*Input data:*

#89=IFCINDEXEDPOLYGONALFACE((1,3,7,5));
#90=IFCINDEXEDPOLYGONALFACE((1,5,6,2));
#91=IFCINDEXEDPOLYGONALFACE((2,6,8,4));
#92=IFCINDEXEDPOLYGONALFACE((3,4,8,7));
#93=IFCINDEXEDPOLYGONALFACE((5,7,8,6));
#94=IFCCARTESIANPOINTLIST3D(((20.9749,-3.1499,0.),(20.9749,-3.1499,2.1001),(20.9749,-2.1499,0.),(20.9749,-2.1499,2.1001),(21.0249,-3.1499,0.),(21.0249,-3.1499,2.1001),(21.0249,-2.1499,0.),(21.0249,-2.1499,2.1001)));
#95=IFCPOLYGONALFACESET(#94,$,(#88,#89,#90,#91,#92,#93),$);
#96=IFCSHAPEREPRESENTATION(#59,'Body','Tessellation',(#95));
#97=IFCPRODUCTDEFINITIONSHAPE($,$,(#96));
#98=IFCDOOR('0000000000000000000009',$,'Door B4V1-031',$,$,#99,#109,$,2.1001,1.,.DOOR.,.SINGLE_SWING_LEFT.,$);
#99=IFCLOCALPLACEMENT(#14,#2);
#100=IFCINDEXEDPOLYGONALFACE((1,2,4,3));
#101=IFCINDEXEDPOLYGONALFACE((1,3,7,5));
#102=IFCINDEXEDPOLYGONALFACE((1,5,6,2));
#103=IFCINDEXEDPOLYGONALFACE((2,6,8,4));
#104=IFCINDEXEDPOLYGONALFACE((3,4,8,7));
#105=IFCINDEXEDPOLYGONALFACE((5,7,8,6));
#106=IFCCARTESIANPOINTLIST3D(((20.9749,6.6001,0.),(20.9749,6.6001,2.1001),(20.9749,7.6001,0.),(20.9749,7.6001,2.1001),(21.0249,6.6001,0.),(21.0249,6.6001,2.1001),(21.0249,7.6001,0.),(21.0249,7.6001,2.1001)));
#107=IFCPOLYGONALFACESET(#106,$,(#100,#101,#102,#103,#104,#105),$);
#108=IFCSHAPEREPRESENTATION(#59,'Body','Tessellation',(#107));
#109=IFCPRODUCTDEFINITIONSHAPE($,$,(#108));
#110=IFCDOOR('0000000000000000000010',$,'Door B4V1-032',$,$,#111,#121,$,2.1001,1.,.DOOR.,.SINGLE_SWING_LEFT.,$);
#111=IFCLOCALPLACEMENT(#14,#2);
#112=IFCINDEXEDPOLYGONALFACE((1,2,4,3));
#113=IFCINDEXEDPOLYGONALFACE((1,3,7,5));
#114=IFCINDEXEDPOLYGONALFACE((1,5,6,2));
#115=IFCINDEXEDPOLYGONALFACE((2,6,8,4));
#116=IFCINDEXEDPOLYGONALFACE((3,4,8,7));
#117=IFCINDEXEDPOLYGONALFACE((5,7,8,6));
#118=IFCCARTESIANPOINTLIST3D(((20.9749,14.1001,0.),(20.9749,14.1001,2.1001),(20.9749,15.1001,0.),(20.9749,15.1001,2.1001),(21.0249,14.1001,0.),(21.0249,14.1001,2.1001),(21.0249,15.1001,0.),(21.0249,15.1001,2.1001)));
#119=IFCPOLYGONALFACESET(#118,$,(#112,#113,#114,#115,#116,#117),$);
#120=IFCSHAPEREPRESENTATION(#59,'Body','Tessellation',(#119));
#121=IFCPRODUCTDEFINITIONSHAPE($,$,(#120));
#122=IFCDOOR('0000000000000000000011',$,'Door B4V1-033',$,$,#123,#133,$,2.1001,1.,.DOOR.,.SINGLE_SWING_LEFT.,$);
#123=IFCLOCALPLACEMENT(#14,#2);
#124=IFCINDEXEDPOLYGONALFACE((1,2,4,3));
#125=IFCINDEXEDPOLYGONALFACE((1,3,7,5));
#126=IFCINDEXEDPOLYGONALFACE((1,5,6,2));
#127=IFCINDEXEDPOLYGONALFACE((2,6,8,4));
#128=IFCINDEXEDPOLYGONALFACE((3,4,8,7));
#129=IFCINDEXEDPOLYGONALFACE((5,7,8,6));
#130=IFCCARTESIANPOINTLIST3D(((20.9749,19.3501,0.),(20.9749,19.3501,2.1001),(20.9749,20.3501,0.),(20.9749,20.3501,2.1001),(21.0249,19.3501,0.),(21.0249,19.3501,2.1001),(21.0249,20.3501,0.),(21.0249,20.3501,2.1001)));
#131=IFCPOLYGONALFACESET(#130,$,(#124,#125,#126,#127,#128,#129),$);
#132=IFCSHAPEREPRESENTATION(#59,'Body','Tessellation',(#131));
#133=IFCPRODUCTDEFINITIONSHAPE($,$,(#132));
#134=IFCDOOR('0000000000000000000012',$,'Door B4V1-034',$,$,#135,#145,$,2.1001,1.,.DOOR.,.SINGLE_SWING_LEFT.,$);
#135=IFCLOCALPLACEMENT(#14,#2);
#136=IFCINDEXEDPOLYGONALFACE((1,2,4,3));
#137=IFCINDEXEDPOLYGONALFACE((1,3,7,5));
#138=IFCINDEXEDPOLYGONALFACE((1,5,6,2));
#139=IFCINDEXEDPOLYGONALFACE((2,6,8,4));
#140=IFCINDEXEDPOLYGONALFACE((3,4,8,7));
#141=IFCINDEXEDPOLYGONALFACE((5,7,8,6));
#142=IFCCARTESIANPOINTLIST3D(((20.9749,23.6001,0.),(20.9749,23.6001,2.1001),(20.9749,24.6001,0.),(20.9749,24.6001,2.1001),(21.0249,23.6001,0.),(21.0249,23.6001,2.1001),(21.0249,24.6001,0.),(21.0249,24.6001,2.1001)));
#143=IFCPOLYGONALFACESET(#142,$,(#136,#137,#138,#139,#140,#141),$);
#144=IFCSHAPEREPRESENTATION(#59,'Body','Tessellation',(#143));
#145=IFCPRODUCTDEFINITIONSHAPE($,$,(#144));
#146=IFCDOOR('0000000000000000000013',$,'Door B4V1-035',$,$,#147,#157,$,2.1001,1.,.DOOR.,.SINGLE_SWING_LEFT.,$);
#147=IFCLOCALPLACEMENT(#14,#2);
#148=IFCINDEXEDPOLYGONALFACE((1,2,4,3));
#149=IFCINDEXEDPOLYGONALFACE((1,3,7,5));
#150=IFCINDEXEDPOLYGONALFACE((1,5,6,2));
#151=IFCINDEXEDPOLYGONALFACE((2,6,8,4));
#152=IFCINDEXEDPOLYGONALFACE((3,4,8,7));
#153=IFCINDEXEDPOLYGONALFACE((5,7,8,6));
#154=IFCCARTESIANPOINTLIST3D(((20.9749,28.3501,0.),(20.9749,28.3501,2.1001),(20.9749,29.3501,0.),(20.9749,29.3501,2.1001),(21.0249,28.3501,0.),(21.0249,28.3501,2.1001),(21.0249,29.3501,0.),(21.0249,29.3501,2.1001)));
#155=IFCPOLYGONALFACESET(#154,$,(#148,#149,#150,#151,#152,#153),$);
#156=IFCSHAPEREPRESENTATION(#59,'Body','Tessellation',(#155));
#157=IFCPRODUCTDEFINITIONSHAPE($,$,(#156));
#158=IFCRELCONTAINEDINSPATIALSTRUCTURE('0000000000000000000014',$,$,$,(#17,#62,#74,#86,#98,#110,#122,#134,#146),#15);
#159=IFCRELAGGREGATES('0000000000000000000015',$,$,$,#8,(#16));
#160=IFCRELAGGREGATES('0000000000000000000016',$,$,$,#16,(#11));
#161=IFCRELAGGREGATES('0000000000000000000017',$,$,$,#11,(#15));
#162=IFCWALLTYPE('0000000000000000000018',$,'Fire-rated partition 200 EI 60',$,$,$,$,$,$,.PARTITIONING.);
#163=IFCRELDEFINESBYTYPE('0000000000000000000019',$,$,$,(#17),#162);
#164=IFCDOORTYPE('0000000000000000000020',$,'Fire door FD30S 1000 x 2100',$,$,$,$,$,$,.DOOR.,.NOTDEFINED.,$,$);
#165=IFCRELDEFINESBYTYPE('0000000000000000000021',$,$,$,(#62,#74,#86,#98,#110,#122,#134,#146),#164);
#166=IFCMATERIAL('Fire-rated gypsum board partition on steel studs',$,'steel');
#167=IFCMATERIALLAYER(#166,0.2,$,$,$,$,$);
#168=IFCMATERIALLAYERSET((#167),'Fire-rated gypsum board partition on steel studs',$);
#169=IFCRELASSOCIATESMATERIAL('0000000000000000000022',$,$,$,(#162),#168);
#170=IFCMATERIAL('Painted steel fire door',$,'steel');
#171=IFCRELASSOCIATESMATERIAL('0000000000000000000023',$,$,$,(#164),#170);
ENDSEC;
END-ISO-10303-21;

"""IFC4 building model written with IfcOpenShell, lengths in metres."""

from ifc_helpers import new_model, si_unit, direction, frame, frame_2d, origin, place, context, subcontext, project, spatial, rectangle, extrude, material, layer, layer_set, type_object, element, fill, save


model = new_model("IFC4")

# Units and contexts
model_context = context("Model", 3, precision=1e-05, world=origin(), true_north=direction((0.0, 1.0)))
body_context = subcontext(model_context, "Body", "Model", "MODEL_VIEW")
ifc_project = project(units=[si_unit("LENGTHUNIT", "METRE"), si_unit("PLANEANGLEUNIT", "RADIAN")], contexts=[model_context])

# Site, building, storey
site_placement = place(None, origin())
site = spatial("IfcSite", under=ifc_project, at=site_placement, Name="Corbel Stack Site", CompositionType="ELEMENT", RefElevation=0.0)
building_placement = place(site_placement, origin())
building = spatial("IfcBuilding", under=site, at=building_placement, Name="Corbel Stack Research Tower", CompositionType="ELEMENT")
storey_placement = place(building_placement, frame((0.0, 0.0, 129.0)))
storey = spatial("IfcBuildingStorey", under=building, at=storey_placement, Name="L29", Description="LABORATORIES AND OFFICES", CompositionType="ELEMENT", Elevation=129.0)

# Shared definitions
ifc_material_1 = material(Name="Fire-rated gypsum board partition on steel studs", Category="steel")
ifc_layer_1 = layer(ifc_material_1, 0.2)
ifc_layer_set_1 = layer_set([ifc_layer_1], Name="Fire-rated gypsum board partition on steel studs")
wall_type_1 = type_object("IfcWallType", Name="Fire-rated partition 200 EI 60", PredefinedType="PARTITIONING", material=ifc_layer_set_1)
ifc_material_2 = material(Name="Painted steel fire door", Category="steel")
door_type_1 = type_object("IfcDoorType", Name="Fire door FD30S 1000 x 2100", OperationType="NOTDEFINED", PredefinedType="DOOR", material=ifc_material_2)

*Exercise directions:*
In the listing above, how many of the lines contain the string "under"? Respond with the number alone.

*Finished task:*
3